━━ Dataset entries

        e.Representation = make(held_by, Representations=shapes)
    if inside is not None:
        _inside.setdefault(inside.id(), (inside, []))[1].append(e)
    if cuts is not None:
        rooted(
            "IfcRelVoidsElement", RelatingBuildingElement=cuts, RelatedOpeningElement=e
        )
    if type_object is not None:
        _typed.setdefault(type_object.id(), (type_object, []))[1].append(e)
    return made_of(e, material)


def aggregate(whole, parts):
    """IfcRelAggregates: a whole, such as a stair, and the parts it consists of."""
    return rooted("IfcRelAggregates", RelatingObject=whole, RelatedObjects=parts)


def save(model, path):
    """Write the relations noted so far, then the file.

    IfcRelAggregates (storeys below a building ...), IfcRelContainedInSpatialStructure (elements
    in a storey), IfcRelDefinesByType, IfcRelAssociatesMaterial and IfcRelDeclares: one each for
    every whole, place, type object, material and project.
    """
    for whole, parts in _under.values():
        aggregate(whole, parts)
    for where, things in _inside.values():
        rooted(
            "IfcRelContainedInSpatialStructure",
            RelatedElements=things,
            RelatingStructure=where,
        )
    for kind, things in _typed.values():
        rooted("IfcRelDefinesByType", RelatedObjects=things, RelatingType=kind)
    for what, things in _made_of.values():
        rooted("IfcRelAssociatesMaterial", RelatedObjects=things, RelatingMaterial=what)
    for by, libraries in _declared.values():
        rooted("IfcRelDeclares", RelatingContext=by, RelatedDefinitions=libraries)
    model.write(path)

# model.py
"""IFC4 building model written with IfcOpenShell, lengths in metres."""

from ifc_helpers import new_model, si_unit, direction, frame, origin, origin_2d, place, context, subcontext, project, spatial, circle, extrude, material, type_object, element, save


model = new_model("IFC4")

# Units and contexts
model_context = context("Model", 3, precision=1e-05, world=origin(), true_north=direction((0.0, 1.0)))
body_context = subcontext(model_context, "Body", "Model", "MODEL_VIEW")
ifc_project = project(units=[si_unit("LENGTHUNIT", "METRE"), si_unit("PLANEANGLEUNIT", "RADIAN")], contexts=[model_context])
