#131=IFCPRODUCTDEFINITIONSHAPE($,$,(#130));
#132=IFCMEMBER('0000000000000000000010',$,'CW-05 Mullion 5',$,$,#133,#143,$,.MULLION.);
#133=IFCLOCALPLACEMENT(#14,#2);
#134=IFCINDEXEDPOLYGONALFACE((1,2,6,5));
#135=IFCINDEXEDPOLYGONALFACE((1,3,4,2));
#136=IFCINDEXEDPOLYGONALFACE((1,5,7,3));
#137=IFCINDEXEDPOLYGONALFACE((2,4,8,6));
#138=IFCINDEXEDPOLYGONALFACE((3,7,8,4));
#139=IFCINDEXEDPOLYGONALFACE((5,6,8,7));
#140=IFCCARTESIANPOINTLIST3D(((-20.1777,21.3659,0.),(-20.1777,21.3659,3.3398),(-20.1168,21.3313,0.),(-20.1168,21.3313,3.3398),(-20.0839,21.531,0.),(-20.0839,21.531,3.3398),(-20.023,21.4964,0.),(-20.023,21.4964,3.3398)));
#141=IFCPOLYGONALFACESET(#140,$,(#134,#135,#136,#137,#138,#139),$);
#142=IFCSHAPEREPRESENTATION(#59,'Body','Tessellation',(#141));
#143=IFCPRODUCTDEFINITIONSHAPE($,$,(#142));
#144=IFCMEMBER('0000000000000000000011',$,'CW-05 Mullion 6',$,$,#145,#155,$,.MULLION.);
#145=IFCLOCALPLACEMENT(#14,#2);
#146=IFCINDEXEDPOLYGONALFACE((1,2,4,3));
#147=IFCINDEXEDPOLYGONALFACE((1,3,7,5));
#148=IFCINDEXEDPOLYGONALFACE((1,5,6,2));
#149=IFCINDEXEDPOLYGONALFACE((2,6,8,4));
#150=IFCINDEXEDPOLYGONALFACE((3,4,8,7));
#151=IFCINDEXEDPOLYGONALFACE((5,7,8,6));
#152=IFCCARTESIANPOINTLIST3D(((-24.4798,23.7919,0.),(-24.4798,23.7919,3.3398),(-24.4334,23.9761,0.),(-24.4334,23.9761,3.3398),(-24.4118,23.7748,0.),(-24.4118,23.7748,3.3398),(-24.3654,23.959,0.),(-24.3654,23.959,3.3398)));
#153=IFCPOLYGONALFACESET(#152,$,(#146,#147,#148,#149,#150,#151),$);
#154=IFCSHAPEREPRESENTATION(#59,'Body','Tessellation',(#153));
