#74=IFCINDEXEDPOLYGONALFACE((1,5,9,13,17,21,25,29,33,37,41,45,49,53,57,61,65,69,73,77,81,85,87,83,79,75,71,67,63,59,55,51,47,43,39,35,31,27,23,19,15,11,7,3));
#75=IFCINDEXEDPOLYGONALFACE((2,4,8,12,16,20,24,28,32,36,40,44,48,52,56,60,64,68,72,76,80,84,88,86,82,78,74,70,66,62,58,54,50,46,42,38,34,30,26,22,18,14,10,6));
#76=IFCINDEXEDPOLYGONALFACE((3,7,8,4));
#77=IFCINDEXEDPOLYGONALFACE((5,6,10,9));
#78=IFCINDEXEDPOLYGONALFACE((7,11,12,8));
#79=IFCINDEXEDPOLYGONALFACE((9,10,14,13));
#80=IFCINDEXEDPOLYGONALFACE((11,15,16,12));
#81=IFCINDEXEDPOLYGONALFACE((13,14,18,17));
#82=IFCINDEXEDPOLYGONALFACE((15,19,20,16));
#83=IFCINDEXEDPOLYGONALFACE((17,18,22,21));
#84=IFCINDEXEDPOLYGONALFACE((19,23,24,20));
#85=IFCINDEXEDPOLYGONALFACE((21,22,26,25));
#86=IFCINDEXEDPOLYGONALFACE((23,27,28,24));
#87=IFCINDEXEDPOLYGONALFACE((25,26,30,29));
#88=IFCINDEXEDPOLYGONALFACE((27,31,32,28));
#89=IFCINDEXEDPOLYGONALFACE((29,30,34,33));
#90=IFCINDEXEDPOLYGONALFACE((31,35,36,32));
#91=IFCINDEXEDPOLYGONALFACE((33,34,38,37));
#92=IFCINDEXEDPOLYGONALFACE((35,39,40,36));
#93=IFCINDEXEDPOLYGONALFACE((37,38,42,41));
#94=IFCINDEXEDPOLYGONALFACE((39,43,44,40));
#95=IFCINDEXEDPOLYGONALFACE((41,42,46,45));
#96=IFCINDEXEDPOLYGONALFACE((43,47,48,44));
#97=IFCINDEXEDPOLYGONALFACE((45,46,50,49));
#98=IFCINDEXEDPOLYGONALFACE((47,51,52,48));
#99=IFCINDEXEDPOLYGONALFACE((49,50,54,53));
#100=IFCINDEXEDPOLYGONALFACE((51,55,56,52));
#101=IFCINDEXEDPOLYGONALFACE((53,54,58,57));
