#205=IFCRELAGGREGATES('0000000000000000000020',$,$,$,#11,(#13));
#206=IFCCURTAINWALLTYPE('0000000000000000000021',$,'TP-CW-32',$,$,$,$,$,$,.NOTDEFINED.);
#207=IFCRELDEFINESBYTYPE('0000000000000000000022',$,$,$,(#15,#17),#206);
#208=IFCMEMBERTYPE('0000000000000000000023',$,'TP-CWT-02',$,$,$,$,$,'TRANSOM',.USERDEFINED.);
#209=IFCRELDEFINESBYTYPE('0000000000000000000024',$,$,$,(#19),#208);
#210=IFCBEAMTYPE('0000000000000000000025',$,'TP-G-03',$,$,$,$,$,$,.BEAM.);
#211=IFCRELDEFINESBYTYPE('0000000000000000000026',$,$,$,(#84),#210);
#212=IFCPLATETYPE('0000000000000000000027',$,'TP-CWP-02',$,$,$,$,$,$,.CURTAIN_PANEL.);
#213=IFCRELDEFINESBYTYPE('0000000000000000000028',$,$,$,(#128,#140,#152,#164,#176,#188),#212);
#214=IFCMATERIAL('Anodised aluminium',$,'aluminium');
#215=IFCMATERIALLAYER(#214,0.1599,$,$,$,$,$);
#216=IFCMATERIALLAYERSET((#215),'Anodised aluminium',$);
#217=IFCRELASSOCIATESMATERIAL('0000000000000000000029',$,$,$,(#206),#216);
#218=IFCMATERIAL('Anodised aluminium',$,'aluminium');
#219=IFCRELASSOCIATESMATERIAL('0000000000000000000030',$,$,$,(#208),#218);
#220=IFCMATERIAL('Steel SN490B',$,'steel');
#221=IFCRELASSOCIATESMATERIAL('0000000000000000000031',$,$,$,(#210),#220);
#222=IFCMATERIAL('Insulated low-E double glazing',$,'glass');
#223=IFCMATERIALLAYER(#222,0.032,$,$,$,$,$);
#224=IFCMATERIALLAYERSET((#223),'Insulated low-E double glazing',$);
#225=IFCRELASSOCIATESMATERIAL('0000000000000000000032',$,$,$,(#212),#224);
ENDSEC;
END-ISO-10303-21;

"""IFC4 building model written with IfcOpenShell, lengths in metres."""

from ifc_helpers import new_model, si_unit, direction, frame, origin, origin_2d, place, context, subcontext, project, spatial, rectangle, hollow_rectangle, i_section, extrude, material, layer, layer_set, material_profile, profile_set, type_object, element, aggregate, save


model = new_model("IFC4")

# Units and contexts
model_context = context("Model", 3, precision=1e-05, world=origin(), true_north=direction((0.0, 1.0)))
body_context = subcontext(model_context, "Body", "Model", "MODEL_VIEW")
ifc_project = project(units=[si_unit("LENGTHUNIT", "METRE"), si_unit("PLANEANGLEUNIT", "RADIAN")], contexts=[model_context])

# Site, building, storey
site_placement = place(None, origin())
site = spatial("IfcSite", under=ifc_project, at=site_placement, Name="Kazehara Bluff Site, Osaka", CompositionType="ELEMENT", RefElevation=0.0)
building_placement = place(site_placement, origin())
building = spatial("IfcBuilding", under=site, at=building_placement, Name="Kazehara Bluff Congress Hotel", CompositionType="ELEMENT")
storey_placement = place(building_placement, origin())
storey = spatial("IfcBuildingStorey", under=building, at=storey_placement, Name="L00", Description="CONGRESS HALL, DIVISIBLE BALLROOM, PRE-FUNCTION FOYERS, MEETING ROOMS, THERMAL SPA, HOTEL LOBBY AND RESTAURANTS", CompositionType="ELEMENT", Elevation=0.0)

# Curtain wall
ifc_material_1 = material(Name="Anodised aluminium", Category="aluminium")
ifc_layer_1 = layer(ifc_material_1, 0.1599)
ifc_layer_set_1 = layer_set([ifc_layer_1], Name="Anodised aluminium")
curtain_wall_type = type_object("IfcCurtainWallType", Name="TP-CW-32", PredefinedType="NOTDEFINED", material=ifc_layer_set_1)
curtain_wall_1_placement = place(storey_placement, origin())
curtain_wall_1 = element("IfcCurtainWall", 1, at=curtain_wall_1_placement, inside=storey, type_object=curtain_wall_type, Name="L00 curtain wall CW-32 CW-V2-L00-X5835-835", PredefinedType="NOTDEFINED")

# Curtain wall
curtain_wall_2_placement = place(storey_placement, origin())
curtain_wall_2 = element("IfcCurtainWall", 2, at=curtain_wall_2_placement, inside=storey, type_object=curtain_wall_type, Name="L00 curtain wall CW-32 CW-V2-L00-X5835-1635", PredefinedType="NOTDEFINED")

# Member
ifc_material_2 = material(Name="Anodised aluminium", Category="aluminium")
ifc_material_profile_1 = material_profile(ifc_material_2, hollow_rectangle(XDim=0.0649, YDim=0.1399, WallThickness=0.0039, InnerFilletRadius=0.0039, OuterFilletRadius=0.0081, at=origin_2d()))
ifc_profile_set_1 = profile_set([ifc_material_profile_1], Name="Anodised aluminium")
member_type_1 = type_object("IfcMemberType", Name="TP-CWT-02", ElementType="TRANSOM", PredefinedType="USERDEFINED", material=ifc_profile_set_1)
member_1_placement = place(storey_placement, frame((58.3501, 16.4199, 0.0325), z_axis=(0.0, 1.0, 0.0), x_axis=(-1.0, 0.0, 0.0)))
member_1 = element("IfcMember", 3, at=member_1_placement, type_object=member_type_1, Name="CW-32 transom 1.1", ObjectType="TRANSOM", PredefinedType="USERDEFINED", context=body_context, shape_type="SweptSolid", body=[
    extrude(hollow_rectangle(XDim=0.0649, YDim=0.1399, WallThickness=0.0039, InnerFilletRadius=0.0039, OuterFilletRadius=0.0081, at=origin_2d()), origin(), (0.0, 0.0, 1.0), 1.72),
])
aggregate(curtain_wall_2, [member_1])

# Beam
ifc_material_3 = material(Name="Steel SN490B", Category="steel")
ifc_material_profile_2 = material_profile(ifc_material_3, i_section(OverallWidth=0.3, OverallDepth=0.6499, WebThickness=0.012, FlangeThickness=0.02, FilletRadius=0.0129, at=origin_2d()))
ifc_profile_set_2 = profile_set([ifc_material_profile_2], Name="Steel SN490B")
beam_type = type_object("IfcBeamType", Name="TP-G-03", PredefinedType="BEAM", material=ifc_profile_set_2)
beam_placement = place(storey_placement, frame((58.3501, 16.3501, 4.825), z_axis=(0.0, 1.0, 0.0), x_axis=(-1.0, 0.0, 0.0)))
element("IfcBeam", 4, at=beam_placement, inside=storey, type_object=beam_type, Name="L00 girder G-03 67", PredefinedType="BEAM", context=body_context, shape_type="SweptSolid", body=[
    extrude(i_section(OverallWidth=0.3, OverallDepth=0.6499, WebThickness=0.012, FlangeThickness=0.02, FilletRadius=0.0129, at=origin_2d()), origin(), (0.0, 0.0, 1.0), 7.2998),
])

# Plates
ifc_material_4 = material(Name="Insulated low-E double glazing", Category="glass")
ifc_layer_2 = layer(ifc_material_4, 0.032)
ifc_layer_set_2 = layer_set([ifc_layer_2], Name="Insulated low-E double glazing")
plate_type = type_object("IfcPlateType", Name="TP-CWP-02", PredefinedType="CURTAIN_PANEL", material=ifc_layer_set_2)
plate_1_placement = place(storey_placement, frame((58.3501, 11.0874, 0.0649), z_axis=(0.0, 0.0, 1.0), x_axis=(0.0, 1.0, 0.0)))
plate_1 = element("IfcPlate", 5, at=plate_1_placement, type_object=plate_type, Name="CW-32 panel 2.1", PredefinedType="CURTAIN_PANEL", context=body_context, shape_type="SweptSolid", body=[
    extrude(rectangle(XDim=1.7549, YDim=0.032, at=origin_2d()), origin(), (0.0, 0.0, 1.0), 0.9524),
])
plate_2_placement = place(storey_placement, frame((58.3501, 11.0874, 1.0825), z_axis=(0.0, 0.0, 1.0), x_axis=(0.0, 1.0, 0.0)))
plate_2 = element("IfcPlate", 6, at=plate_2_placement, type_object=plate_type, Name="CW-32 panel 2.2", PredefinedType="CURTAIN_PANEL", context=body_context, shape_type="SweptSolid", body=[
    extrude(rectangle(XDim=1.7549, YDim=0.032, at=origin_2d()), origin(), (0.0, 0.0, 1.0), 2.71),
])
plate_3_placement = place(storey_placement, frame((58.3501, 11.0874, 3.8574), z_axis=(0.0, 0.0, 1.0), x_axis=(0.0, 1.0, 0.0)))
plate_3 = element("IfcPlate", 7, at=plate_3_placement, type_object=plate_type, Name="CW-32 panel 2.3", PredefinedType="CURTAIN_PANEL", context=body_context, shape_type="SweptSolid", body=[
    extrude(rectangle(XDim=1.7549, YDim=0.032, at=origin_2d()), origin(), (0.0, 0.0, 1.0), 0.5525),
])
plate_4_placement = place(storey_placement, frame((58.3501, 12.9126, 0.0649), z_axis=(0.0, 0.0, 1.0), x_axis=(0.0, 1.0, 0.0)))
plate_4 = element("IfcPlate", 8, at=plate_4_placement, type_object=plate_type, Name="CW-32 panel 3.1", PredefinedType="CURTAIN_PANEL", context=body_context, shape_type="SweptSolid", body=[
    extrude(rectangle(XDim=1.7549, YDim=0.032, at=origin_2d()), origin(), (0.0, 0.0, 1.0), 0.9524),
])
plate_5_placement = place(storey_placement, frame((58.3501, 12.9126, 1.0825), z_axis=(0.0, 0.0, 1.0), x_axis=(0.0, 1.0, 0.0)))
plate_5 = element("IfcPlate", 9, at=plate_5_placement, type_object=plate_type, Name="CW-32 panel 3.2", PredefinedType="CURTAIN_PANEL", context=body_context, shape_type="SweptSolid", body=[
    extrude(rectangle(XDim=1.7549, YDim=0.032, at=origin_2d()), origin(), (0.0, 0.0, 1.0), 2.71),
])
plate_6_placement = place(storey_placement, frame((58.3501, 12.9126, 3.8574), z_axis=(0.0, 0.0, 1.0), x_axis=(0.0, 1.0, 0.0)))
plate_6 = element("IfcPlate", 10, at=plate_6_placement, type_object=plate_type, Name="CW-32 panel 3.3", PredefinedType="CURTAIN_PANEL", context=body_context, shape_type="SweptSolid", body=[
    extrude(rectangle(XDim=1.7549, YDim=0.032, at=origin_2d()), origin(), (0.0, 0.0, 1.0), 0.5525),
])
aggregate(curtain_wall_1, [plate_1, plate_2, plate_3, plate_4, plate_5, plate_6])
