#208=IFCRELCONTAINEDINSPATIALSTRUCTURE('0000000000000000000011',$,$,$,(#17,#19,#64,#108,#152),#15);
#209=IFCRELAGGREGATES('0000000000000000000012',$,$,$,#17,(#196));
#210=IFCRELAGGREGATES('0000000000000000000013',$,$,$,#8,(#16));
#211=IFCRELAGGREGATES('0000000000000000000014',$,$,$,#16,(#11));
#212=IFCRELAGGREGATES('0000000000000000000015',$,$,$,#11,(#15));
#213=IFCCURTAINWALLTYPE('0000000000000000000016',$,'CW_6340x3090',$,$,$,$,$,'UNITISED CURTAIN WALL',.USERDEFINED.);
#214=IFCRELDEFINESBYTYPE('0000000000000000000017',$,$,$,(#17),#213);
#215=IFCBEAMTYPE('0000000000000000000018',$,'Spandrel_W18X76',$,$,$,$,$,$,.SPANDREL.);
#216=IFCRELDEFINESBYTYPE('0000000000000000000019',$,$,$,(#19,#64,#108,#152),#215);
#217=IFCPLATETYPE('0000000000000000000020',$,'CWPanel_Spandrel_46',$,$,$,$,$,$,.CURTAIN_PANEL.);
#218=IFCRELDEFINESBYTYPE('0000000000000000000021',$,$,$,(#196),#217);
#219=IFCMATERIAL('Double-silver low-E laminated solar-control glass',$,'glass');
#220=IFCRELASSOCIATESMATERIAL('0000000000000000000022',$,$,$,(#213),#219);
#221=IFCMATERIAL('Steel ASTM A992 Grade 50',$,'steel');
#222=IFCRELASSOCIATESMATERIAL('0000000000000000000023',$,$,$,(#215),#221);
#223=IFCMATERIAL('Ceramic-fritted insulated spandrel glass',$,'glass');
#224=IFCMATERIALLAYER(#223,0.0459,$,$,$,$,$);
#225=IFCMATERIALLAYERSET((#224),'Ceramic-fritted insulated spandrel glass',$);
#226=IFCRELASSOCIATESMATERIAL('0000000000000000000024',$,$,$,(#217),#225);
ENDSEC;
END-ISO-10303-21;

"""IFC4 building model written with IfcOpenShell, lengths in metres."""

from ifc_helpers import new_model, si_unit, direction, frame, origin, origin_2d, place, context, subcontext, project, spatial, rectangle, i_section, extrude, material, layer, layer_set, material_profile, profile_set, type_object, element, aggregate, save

━━━━

Only the lines above starting at the line that holds "#80=IFCINDEXEDPOLYGONALFACE((11,15,16,12));" and ending at the line that holds "#97=IFCINDEXEDPOLYGONALFACE((45,46,50,49));" are to be repeated, exactly and in full.

_Output of the task_:
#80=IFCINDEXEDPOLYGONALFACE((11,15,16,12));
#81=IFCINDEXEDPOLYGONALFACE((13,14,18,17));
#82=IFCINDEXEDPOLYGONALFACE((15,19,20,16));
#83=IFCINDEXEDPOLYGONALFACE((17,18,22,21));
#84=IFCINDEXEDPOLYGONALFACE((19,23,24,20));
#85=IFCINDEXEDPOLYGONALFACE((21,22,26,25));
#86=IFCINDEXEDPOLYGONALFACE((23,27,28,24));
#87=IFCINDEXEDPOLYGONALFACE((25,26,30,29));
#88=IFCINDEXEDPOLYGONALFACE((27,31,32,28));
#89=IFCINDEXEDPOLYGONALFACE((29,30,34,33));
#90=IFCINDEXEDPOLYGONALFACE((31,35,36,32));
#91=IFCINDEXEDPOLYGONALFACE((33,34,38,37));
#92=IFCINDEXEDPOLYGONALFACE((35,39,40,36));
#93=IFCINDEXEDPOLYGONALFACE((37,38,42,41));
#94=IFCINDEXEDPOLYGONALFACE((39,43,44,40));
#95=IFCINDEXEDPOLYGONALFACE((41,42,46,45));
#96=IFCINDEXEDPOLYGONALFACE((43,47,48,44));
#97=IFCINDEXEDPOLYGONALFACE((45,46,50,49));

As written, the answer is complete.